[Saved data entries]
◆ ◆ ◆ ◆ ◆ ◆ ◆

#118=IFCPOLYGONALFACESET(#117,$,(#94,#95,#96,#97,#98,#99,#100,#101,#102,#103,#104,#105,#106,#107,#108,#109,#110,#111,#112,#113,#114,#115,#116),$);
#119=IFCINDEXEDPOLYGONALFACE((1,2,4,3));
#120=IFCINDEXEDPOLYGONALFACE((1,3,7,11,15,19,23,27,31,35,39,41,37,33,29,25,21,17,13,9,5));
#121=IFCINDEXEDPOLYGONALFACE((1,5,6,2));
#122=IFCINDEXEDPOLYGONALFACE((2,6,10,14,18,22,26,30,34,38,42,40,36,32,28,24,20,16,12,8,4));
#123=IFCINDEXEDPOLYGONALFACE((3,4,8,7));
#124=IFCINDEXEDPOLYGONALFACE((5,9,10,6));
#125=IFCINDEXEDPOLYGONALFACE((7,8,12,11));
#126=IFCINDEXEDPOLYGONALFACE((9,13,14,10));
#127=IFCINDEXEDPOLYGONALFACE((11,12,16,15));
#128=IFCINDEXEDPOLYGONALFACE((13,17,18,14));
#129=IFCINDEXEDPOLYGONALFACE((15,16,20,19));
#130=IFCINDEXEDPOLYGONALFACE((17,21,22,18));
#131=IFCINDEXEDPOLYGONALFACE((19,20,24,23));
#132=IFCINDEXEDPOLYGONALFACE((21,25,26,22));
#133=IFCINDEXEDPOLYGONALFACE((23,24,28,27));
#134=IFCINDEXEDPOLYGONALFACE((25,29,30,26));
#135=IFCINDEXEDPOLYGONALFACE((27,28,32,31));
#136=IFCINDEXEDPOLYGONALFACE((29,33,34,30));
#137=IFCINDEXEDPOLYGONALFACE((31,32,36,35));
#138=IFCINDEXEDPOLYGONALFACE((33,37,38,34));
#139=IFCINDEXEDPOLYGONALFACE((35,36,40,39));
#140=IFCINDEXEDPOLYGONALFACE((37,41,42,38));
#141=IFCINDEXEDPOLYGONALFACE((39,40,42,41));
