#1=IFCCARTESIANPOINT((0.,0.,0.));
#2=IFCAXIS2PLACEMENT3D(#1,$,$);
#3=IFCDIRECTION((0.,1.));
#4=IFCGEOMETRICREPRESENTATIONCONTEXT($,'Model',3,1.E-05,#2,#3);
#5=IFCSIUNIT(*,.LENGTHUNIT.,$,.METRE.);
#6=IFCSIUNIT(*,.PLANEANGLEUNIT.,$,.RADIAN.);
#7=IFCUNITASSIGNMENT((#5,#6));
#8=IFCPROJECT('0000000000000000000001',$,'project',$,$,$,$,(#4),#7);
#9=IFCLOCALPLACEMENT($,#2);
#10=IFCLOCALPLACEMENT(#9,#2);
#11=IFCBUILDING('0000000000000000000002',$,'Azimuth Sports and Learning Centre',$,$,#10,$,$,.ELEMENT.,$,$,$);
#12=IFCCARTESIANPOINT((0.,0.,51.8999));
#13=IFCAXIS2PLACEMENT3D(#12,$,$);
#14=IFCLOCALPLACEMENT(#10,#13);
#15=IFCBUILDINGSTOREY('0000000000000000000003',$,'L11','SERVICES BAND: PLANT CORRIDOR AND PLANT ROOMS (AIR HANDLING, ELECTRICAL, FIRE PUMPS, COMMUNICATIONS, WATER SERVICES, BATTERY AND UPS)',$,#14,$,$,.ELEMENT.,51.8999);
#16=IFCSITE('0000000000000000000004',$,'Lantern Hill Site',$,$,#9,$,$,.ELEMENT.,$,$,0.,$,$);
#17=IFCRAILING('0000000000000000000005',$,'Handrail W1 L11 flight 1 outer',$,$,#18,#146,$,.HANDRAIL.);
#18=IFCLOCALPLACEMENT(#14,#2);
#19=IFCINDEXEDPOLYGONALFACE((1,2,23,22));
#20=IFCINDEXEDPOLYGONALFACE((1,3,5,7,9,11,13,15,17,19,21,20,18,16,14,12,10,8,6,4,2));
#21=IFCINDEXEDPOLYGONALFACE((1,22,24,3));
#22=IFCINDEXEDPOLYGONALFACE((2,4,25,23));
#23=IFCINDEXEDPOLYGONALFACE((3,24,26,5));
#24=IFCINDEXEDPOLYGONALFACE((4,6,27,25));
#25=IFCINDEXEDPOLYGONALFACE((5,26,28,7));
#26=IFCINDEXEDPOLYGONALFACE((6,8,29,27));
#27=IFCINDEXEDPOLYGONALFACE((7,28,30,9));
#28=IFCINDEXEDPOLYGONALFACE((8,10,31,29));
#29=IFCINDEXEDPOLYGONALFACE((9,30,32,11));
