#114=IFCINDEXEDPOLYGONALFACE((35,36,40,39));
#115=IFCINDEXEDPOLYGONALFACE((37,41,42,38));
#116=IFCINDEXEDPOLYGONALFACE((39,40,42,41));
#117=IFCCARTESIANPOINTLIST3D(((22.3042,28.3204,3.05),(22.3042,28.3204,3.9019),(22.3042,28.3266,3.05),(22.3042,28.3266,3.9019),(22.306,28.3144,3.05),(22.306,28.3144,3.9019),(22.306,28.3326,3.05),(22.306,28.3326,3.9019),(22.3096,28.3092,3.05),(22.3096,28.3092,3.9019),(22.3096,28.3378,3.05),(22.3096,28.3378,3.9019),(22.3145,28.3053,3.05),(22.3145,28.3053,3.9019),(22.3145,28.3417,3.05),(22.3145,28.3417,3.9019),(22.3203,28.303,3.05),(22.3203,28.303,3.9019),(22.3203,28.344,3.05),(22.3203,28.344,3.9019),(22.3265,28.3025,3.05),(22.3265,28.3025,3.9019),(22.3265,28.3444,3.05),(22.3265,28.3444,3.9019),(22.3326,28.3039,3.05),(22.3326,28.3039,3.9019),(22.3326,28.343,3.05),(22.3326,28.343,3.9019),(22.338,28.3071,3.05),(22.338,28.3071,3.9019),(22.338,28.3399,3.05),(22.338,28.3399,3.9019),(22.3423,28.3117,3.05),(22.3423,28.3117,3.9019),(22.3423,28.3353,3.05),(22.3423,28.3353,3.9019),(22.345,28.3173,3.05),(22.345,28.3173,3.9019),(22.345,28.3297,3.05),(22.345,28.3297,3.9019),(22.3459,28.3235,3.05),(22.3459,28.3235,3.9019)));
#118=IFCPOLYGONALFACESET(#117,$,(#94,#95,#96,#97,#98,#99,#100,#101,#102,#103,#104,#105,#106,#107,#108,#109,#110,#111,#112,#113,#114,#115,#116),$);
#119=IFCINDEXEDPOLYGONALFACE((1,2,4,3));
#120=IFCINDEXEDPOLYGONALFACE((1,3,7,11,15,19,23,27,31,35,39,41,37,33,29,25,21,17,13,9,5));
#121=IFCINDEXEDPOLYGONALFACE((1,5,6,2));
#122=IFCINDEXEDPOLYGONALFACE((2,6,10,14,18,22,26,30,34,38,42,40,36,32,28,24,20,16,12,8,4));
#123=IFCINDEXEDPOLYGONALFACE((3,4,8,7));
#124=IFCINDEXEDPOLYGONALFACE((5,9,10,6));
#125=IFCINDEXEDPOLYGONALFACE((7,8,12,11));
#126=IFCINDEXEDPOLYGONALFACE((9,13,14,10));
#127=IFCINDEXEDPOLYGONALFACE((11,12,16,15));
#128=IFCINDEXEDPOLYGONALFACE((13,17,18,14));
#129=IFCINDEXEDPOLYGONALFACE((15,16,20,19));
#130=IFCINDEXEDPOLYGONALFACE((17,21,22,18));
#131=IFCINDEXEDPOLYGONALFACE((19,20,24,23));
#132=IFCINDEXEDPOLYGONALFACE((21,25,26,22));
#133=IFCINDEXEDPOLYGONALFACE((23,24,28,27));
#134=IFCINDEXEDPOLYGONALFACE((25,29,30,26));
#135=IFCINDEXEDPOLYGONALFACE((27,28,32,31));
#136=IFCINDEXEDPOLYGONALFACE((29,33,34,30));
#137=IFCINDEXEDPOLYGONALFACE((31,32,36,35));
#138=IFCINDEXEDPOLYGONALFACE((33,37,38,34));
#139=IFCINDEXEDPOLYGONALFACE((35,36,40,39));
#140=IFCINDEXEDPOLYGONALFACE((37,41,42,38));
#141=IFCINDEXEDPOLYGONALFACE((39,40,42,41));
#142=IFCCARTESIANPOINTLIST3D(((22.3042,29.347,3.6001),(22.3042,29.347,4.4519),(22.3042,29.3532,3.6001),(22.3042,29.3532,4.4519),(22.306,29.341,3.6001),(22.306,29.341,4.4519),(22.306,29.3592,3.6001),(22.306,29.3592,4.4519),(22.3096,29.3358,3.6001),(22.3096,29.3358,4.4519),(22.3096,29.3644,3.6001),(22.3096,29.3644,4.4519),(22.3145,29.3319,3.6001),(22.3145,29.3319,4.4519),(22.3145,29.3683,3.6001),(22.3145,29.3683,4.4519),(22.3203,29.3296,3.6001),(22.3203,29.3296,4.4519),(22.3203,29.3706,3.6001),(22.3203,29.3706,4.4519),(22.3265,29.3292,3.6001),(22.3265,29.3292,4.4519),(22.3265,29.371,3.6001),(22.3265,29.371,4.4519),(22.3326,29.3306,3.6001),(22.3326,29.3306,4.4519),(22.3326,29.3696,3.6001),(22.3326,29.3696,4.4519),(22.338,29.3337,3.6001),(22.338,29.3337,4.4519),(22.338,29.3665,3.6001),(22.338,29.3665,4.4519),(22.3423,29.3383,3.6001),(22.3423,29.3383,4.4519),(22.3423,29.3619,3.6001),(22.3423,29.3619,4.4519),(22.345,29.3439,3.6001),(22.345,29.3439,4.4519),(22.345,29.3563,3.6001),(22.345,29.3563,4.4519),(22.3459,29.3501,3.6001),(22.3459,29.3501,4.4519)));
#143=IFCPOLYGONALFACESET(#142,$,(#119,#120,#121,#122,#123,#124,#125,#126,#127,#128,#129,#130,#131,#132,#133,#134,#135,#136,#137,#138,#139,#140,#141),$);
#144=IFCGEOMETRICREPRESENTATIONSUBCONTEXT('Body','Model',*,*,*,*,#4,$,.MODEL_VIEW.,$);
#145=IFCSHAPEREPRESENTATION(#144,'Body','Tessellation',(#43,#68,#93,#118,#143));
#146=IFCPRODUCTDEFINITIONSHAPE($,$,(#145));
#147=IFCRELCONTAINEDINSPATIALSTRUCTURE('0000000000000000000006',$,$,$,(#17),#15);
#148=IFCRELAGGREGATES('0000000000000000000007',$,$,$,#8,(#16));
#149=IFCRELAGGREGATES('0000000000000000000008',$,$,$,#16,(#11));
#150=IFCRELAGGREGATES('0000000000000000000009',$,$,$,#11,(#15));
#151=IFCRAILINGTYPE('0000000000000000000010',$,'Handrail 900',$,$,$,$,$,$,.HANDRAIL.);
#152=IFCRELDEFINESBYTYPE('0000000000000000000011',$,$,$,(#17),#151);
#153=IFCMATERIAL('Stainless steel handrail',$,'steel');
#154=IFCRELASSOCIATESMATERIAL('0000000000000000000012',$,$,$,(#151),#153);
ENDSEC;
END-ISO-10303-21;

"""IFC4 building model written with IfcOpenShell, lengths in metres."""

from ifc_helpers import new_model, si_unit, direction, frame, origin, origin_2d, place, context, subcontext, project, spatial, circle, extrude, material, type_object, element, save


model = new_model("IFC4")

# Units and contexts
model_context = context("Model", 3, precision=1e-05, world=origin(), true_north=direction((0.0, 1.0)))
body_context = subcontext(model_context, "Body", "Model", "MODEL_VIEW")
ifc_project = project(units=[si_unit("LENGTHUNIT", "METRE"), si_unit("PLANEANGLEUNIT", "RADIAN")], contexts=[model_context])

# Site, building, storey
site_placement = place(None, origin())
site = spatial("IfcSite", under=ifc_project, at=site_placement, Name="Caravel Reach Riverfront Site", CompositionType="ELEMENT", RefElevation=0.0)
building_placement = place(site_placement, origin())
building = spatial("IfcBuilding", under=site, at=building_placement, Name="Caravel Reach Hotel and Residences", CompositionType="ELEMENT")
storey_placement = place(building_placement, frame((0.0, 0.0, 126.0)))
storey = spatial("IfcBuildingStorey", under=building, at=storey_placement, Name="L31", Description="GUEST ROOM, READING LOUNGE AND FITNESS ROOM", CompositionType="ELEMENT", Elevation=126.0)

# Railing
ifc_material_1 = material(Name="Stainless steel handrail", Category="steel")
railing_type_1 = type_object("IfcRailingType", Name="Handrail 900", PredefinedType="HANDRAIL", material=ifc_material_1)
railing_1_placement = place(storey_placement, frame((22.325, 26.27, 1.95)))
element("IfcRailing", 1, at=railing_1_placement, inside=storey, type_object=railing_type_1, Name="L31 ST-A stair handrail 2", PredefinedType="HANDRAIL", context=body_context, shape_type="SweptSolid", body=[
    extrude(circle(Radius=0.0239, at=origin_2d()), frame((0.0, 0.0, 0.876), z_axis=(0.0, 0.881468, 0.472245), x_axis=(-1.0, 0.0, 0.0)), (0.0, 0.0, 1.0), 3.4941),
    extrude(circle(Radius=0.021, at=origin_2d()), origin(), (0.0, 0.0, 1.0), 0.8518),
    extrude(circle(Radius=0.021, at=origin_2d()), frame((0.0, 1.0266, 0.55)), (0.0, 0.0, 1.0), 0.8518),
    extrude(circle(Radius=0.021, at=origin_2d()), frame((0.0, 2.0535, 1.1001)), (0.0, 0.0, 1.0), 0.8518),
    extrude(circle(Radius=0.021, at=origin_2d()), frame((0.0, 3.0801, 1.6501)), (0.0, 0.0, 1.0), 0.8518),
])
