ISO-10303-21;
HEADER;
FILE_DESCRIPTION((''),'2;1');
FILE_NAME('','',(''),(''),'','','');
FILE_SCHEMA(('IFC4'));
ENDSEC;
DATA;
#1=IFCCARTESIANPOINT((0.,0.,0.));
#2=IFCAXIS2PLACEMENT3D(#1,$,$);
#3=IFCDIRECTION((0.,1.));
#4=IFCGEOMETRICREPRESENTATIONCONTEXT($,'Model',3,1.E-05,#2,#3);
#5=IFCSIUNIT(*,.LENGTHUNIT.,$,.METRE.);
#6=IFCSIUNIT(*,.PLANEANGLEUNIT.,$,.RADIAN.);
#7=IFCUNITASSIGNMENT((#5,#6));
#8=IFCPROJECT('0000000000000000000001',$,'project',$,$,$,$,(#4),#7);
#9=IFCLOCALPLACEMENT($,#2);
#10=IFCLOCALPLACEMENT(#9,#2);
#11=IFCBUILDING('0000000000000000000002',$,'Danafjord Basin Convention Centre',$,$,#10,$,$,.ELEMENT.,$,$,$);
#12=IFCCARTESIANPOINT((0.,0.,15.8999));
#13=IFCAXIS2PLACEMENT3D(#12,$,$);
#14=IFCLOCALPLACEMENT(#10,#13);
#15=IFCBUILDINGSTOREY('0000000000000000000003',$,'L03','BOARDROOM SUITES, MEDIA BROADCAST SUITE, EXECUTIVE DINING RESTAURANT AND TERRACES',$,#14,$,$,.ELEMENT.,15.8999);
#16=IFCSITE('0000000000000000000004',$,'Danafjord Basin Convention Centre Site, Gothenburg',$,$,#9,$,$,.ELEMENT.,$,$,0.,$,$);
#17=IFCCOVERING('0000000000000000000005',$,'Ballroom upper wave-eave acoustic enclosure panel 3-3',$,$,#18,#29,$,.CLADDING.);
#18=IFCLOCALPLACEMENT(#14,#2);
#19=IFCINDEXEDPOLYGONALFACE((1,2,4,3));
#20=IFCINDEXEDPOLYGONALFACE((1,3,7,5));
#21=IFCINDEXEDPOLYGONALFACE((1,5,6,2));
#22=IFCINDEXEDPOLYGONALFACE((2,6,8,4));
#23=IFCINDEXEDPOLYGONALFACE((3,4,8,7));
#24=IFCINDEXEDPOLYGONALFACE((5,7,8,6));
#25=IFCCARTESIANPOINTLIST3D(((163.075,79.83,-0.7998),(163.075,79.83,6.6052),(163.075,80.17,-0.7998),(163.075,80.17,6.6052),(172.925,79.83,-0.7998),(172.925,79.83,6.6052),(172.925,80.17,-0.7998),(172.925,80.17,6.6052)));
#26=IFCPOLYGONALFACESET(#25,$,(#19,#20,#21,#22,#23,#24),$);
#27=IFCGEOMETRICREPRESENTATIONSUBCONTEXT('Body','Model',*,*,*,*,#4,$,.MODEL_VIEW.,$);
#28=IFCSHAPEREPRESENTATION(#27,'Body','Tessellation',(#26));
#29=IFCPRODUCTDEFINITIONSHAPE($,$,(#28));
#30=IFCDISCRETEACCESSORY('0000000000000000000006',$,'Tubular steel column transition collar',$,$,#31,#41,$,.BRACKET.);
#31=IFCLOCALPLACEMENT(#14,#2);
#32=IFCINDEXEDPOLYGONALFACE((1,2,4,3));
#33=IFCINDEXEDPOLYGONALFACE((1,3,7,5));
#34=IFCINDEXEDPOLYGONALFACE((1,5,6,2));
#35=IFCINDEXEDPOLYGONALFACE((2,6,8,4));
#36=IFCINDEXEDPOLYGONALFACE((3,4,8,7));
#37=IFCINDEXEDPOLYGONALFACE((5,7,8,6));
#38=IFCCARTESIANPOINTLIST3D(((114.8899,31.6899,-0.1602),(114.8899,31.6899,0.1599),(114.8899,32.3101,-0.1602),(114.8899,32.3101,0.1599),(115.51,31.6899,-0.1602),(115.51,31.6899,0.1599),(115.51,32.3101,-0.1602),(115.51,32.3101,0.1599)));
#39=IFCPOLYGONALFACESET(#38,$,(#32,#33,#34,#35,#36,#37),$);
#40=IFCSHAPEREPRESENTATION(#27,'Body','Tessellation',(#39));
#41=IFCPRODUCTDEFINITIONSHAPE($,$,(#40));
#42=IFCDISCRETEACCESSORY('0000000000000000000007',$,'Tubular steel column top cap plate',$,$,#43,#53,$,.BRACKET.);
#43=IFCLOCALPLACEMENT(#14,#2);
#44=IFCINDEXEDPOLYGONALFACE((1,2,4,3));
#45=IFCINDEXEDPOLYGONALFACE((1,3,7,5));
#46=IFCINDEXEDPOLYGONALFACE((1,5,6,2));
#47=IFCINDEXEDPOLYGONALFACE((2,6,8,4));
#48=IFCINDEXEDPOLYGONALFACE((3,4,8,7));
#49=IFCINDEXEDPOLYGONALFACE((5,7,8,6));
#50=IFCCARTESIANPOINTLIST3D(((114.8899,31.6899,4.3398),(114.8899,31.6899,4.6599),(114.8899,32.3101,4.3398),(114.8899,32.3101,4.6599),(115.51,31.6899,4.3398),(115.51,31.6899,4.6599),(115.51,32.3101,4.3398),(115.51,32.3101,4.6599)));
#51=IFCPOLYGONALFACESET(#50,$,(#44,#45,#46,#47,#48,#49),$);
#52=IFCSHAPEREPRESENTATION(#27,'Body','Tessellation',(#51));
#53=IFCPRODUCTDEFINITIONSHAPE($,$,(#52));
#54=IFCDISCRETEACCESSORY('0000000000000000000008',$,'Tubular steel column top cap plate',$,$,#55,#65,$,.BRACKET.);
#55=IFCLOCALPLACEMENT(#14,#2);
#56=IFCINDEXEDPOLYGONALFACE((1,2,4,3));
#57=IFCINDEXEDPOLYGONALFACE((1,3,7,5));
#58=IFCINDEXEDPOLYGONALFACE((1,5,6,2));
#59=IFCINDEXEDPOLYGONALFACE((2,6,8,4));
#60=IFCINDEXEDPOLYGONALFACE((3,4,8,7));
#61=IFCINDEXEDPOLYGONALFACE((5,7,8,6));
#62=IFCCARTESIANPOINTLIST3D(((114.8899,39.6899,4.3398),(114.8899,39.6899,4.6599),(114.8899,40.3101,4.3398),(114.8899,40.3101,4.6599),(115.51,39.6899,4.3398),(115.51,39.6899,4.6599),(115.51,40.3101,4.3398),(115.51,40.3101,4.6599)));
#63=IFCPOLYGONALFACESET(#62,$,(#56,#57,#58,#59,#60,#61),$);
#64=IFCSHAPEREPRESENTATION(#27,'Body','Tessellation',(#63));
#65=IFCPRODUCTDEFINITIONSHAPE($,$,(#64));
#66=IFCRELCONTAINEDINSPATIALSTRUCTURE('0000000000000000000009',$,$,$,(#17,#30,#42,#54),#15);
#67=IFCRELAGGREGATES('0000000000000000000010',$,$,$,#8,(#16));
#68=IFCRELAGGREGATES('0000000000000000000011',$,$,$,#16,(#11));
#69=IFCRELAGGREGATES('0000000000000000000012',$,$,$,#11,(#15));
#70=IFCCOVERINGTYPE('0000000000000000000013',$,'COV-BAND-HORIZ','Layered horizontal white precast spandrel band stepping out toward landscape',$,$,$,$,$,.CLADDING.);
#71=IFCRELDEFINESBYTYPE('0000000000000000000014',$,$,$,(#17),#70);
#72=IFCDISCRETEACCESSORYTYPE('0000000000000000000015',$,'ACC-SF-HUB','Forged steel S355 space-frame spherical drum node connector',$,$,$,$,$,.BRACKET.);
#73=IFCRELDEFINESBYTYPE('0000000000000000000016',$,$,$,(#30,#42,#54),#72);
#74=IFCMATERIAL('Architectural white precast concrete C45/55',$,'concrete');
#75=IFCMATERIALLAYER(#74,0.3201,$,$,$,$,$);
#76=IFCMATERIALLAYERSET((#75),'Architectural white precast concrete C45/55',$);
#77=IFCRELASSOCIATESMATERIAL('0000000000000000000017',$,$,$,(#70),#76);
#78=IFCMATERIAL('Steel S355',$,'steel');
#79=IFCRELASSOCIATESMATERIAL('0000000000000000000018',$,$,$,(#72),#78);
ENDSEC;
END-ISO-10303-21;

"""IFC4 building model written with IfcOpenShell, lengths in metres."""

from ifc_helpers import new_model, si_unit, direction, frame, origin, origin_2d, place, context, subcontext, project, spatial, rectangle, extrude, material, layer, layer_set, type_object, element, save


model = new_model("IFC4")

# Units and contexts
model_context = context("Model", 3, precision=1e-05, world=origin(), true_north=direction((0.0, 1.0)))
body_context = subcontext(model_context, "Body", "Model", "MODEL_VIEW")
ifc_project = project(units=[si_unit("LENGTHUNIT", "METRE"), si_unit("PLANEANGLEUNIT", "RADIAN")], contexts=[model_context])

# Site, building, storey
site_placement = place(None, origin())
site = spatial("IfcSite", under=ifc_project, at=site_placement, Name="Danafjord Basin Convention Centre Site, Gothenburg", CompositionType="ELEMENT", RefElevation=0.0)
building_placement = place(site_placement, origin())
building = spatial("IfcBuilding", under=site, at=building_placement, Name="Danafjord Basin Convention Centre", CompositionType="ELEMENT")
storey_placement = place(building_placement, frame((0.0, 0.0, 15.8999)))
storey = spatial("IfcBuildingStorey", under=building, at=storey_placement, Name="L03", Description="BOARDROOM SUITES, MEDIA BROADCAST SUITE, EXECUTIVE DINING RESTAURANT AND TERRACES", CompositionType="ELEMENT", Elevation=15.8999)

# Shared definitions
ifc_material_1 = material(Name="Steel S355", Category="steel")

# Covering
ifc_material_2 = material(Name="Architectural white precast concrete C45/55", Category="concrete")
ifc_layer_1 = layer(ifc_material_2, 0.3201)
ifc_layer_set_1 = layer_set([ifc_layer_1], Name="Architectural white precast concrete C45/55")
covering_type = type_object("IfcCoveringType", Name="COV-BAND-HORIZ", Description="Layered horizontal white precast spandrel band stepping out toward landscape", PredefinedType="CLADDING", material=ifc_layer_set_1)
covering_1_placement = place(storey_placement, frame((168.0, 80.0, -0.7998), z_axis=(0.0, 0.0, 1.0), x_axis=(1.0, 0.0, 0.0)))
element("IfcCovering", 1, at=covering_1_placement, inside=storey, type_object=covering_type, Name="Ballroom upper wave-eave acoustic enclosure panel 3-3", PredefinedType="CLADDING", context=body_context, shape_type="SweptSolid", body=[
    extrude(rectangle(XDim=9.8501, YDim=0.3401, at=origin_2d()), origin(), (0.0, 0.0, 1.0), 7.405),
])

# Discrete accessories
discrete_accessory_type = type_object("IfcDiscreteAccessoryType", Name="ACC-SF-HUB", Description="Forged steel S355 space-frame spherical drum node connector", PredefinedType="BRACKET", material=ifc_material_1)
for number, where, z_axis, x_axis, name in (
    (2, (115.2, 32.0, -0.1602), (0.0, 0.0, 1.0), (1.0, 0.0, 0.0), "Tubular steel column transition collar"),
    (3, (115.2, 32.0, 4.3398), (0.0, 0.0, 1.0), (1.0, 0.0, 0.0), "Tubular steel column top cap plate"),
    (4, (115.2, 40.0, 4.3398), (0.0, 0.0, 1.0), (1.0, 0.0, 0.0), "Tubular steel column top cap plate"),
):
    element("IfcDiscreteAccessory", number, at=place(storey_placement, frame(where, z_axis=z_axis, x_axis=x_axis)), inside=storey, type_object=discrete_accessory_type, Name=name, PredefinedType="BRACKET", context=body_context, shape_type="SweptSolid", body=[
        extrude(rectangle(XDim=0.6201, YDim=0.6201, at=origin_2d()), origin(), (0.0, 0.0, 1.0), 0.3201),
    ])

save(model, "model.ifc")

◆ ◆ ◆ ◆ ◆ ◆ ◆

The answer must be every line of the entries that includes the word "IFCSHAPEREPRESENTATION".

■ Answer to this task ■
#145=IFCSHAPEREPRESENTATION(#144,'Body','Tessellation',(#43,#68,#93,#118,#143));
#28=IFCSHAPEREPRESENTATION(#27,'Body','Tessellation',(#26));
#40=IFCSHAPEREPRESENTATION(#27,'Body','Tessellation',(#39));
#52=IFCSHAPEREPRESENTATION(#27,'Body','Tessellation',(#51));
#64=IFCSHAPEREPRESENTATION(#27,'Body','Tessellation',(#63));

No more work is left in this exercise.